> **Activity**
Your answer must be one number: the count of lines below that hold the word "Tower".

> **Records from a data collection**
------------------------------------------------------------
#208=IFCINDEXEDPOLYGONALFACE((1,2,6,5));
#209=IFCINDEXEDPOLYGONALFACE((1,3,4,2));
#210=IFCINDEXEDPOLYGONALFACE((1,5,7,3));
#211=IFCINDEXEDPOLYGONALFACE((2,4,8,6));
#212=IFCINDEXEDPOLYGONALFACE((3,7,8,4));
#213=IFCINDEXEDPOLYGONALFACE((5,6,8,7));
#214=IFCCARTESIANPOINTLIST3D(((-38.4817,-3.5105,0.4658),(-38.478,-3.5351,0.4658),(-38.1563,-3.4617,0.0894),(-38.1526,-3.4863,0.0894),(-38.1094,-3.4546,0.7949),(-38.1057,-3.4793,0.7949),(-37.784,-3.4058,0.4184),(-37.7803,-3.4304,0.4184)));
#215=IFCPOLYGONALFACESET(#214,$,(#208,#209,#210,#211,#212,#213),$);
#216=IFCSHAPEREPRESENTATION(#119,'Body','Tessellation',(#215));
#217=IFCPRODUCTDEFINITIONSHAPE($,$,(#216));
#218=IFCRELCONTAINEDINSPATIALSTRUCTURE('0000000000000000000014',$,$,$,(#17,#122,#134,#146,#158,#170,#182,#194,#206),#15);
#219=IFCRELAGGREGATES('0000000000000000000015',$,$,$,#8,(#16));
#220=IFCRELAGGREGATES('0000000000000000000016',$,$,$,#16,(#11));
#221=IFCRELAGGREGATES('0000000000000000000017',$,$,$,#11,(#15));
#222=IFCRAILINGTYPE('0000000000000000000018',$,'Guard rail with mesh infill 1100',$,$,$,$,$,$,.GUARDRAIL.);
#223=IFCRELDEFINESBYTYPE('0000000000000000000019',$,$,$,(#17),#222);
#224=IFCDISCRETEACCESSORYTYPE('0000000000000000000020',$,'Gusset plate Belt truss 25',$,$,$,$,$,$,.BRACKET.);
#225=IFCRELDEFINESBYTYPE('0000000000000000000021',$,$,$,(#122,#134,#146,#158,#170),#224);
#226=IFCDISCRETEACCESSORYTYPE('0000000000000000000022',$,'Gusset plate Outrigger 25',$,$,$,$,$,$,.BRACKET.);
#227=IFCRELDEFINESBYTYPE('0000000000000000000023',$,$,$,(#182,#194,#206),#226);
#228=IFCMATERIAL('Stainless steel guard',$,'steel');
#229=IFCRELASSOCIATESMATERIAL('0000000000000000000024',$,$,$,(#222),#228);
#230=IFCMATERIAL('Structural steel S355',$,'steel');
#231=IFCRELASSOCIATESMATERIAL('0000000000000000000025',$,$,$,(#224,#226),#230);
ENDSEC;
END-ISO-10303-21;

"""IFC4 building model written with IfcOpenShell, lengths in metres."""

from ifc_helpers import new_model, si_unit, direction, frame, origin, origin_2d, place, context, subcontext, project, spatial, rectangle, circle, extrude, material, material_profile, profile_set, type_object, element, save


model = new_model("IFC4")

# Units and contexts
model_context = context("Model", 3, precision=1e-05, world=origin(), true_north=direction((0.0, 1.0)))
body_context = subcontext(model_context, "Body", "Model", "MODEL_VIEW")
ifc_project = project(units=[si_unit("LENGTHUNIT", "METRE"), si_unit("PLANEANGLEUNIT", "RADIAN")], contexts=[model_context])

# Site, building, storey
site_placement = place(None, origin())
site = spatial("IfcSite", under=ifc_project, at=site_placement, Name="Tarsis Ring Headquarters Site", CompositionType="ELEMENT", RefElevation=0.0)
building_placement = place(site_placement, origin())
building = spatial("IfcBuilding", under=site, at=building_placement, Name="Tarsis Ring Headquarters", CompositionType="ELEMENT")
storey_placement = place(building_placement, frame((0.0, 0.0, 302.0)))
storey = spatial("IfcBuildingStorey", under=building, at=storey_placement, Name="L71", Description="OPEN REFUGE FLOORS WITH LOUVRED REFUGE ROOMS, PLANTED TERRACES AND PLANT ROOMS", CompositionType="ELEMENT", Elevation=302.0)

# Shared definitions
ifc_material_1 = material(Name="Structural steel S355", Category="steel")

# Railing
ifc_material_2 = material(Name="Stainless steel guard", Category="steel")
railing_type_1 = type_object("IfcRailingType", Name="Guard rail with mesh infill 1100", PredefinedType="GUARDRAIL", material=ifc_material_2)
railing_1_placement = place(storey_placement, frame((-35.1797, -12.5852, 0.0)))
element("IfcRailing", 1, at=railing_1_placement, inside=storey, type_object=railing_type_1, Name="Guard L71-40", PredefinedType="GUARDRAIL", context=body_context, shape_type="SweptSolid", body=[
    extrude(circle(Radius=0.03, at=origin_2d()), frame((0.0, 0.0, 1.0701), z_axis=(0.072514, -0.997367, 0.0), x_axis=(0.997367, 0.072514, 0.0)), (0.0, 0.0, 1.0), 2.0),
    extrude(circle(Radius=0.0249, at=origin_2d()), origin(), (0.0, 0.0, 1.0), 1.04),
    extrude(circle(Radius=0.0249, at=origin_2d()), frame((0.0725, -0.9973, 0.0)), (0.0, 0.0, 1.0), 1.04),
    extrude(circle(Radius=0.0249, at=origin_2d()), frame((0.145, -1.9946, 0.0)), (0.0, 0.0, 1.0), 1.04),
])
------------------------------------------------------------
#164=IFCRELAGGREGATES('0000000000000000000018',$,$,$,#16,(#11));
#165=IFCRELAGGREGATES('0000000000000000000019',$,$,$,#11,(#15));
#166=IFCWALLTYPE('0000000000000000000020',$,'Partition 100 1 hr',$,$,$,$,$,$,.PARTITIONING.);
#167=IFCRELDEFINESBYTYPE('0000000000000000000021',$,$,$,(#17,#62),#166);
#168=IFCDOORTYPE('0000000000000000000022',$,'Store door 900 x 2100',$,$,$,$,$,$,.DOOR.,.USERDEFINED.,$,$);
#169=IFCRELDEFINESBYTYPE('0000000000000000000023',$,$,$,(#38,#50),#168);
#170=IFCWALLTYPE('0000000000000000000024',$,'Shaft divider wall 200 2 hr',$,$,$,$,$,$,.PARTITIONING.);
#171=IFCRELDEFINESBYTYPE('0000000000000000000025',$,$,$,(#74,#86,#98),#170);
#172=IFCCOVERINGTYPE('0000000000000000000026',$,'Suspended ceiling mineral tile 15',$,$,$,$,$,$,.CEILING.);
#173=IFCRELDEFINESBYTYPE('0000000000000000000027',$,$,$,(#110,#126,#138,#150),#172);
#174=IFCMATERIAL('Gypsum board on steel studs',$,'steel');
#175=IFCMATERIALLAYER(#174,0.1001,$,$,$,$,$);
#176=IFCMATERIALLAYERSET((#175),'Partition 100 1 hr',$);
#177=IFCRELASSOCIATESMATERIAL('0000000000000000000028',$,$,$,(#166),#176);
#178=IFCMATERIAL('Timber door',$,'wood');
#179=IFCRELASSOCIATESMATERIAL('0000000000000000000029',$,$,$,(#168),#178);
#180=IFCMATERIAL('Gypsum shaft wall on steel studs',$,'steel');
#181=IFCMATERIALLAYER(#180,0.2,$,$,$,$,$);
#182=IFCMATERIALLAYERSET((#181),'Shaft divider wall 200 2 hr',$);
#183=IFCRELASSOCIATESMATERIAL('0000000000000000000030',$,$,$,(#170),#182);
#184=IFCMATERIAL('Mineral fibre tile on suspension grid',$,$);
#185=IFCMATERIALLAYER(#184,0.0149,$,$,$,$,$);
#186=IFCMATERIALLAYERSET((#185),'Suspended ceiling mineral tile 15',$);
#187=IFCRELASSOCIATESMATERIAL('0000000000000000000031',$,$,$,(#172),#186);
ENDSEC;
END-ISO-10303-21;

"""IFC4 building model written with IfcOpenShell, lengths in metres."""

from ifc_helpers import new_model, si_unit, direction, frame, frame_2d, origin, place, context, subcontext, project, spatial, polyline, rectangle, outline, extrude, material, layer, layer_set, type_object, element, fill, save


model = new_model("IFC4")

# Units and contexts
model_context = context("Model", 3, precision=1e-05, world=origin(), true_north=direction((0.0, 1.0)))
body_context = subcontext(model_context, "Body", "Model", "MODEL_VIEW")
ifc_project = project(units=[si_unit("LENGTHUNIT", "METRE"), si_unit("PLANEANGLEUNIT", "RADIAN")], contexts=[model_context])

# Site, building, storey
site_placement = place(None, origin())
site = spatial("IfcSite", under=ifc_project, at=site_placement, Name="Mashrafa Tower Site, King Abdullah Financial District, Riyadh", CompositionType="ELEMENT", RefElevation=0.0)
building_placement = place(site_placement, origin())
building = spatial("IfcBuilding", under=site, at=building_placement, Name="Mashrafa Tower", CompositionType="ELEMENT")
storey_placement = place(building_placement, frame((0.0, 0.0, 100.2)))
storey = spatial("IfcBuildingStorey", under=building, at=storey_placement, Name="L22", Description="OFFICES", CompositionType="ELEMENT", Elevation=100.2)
------------------------------------------------------------
> **Answer space**
2